• _Work order_:
Below are the records; output them exactly from the first line through the line with "#214=IFCRELAGGREGATES('0000000000000000000015',$,$,$,#16,(#11));", stopping there.

• _Available records_:
....

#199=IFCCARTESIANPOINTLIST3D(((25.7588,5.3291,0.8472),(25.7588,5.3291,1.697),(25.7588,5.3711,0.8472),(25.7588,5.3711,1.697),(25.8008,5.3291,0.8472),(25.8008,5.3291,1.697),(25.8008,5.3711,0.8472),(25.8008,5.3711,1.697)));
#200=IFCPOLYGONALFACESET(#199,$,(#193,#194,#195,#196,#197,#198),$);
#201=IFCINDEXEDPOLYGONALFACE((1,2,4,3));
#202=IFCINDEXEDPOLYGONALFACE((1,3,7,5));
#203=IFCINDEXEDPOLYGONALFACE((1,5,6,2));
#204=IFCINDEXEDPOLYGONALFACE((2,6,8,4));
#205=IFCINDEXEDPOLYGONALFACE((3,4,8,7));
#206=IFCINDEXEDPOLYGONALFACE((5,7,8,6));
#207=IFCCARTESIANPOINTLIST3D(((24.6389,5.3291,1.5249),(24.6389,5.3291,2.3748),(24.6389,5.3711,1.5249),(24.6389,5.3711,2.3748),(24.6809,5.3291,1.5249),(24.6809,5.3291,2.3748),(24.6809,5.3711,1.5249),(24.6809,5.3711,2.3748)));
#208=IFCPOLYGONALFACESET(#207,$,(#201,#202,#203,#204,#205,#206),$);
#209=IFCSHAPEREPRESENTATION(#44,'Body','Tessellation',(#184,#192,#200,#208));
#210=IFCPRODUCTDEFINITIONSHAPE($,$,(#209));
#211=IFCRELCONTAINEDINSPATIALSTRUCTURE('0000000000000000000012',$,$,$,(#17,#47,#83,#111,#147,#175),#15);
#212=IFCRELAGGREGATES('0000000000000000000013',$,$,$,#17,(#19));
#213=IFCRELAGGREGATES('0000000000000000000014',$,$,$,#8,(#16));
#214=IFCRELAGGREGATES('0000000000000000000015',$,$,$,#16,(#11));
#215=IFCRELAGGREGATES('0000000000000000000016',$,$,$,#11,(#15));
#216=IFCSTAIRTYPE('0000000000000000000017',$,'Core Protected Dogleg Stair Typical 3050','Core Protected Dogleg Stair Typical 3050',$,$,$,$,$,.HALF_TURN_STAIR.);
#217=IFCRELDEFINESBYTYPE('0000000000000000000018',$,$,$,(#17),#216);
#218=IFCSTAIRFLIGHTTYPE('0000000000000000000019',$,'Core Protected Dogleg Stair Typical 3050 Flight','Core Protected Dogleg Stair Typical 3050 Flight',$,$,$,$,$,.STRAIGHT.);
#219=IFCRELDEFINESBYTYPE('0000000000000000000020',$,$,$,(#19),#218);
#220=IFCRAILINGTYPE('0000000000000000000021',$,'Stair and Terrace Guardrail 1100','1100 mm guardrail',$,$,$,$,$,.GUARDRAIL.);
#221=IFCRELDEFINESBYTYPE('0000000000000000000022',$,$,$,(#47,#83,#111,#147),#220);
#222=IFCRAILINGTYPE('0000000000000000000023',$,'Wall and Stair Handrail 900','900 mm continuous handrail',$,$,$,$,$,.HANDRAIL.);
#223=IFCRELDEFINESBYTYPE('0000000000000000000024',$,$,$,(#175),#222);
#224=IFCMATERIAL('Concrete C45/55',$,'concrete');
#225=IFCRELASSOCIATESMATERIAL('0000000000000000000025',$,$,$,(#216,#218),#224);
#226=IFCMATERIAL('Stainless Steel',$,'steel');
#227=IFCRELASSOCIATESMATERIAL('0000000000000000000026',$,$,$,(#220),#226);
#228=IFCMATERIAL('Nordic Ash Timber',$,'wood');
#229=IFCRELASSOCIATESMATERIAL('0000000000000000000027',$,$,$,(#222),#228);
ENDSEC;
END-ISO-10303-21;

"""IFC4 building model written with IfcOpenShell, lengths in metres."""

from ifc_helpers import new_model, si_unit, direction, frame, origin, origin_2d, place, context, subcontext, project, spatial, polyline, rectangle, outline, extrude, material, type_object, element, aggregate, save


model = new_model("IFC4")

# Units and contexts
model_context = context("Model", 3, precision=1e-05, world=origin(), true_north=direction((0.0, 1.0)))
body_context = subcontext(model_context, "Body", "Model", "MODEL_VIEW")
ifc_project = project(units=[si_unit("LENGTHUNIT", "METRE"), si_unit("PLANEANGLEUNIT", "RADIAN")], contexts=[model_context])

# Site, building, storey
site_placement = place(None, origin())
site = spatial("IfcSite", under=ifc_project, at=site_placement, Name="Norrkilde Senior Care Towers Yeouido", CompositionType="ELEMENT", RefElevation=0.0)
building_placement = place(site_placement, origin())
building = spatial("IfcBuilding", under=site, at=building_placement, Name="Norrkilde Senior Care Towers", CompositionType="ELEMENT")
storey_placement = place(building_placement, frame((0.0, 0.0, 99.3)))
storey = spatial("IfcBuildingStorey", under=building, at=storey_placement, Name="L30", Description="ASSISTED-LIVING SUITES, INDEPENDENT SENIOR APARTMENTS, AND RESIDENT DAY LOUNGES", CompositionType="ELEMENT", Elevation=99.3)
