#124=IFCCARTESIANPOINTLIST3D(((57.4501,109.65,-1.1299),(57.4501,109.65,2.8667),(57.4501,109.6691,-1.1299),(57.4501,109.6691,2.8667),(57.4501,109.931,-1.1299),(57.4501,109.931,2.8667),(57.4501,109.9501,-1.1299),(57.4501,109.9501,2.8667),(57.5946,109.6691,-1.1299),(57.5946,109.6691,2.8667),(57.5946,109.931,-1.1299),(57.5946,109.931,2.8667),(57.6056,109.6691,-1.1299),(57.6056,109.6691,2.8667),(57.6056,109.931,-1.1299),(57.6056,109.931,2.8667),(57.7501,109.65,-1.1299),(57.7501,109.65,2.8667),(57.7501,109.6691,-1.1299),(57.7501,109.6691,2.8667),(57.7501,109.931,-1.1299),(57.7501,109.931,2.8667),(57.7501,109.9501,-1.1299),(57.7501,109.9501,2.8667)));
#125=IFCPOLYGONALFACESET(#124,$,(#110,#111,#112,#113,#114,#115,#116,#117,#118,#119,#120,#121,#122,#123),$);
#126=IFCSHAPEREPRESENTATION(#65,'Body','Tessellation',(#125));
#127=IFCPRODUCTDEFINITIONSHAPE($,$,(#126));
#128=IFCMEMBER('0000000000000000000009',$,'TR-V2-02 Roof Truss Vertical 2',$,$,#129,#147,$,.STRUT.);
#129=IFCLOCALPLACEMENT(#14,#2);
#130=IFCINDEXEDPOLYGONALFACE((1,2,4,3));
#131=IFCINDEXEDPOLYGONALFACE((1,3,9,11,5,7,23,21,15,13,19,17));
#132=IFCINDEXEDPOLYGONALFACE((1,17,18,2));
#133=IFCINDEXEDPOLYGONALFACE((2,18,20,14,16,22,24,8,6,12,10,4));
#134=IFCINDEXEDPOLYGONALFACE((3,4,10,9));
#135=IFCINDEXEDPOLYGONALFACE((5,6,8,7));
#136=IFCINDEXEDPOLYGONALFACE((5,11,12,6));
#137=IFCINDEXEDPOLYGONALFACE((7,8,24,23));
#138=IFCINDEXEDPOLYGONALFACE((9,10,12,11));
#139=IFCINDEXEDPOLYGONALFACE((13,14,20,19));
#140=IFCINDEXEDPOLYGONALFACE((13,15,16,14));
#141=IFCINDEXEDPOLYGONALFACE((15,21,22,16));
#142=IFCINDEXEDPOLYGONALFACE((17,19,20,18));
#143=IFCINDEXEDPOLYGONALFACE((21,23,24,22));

....

• _Written answer_:
#199=IFCCARTESIANPOINTLIST3D(((25.7588,5.3291,0.8472),(25.7588,5.3291,1.697),(25.7588,5.3711,0.8472),(25.7588,5.3711,1.697),(25.8008,5.3291,0.8472),(25.8008,5.3291,1.697),(25.8008,5.3711,0.8472),(25.8008,5.3711,1.697)));
#200=IFCPOLYGONALFACESET(#199,$,(#193,#194,#195,#196,#197,#198),$);
#201=IFCINDEXEDPOLYGONALFACE((1,2,4,3));
#202=IFCINDEXEDPOLYGONALFACE((1,3,7,5));
#203=IFCINDEXEDPOLYGONALFACE((1,5,6,2));
#204=IFCINDEXEDPOLYGONALFACE((2,6,8,4));
#205=IFCINDEXEDPOLYGONALFACE((3,4,8,7));
#206=IFCINDEXEDPOLYGONALFACE((5,7,8,6));
#207=IFCCARTESIANPOINTLIST3D(((24.6389,5.3291,1.5249),(24.6389,5.3291,2.3748),(24.6389,5.3711,1.5249),(24.6389,5.3711,2.3748),(24.6809,5.3291,1.5249),(24.6809,5.3291,2.3748),(24.6809,5.3711,1.5249),(24.6809,5.3711,2.3748)));
#208=IFCPOLYGONALFACESET(#207,$,(#201,#202,#203,#204,#205,#206),$);
#209=IFCSHAPEREPRESENTATION(#44,'Body','Tessellation',(#184,#192,#200,#208));
#210=IFCPRODUCTDEFINITIONSHAPE($,$,(#209));
#211=IFCRELCONTAINEDINSPATIALSTRUCTURE('0000000000000000000012',$,$,$,(#17,#47,#83,#111,#147,#175),#15);
#212=IFCRELAGGREGATES('0000000000000000000013',$,$,$,#17,(#19));
#213=IFCRELAGGREGATES('0000000000000000000014',$,$,$,#8,(#16));
#214=IFCRELAGGREGATES('0000000000000000000015',$,$,$,#16,(#11));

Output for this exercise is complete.